▶ [Work order] From the listing below, copy every line with the word "ASTM".

Records supplied Start Marker

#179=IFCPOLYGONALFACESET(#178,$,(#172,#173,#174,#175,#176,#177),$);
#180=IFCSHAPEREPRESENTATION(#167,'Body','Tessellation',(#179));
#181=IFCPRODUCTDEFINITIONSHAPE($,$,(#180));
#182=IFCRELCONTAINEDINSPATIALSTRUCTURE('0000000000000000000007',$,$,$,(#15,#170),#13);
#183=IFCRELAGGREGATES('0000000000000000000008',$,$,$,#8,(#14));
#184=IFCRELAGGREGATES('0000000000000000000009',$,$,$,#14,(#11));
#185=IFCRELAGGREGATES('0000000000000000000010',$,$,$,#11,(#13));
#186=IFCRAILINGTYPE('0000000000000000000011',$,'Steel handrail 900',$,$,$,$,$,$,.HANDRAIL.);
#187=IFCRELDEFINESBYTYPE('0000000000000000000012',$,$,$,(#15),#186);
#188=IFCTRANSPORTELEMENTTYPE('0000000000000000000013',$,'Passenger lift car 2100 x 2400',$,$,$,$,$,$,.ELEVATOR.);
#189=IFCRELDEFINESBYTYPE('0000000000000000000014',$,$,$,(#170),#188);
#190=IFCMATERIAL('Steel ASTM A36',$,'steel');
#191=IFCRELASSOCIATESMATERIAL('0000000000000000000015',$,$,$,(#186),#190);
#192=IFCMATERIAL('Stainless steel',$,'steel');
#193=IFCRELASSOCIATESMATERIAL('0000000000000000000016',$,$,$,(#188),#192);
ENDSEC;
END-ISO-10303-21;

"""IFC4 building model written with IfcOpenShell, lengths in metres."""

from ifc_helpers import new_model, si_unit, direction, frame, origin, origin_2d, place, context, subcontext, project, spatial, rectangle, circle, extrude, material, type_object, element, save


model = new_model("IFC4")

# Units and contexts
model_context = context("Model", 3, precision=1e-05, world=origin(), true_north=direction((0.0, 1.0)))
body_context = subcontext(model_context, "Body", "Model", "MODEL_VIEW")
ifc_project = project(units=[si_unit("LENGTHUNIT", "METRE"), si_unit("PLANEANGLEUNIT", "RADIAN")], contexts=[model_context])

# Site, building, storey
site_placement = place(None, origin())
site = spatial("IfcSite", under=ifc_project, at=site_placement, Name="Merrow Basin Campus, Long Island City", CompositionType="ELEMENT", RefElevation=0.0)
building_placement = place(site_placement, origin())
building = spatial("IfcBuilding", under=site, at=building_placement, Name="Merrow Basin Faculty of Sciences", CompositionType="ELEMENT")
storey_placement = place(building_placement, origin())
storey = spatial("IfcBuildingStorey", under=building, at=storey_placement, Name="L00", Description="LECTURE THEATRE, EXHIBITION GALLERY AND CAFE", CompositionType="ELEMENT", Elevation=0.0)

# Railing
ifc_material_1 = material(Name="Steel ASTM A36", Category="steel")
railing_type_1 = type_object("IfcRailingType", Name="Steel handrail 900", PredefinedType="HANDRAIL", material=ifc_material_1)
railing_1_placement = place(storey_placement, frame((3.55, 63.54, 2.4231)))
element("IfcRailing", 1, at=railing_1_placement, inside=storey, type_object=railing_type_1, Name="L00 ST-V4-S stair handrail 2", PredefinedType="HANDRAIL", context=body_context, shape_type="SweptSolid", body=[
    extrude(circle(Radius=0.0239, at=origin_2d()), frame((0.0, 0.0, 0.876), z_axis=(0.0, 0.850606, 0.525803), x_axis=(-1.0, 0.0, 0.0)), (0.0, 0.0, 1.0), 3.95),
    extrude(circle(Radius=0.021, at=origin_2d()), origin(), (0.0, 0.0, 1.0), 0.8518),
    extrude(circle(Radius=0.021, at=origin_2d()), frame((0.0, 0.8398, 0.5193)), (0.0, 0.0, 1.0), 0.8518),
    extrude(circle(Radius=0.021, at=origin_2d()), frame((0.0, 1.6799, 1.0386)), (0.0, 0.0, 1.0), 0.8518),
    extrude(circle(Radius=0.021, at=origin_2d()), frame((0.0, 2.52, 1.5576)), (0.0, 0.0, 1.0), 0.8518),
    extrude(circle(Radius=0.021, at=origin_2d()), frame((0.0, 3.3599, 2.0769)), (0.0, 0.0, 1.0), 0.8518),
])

Records supplied End Marker

▶ [Result below]
#190=IFCMATERIAL('Steel ASTM A36',$,'steel');
ifc_material_1 = material(Name="Steel ASTM A36", Category="steel")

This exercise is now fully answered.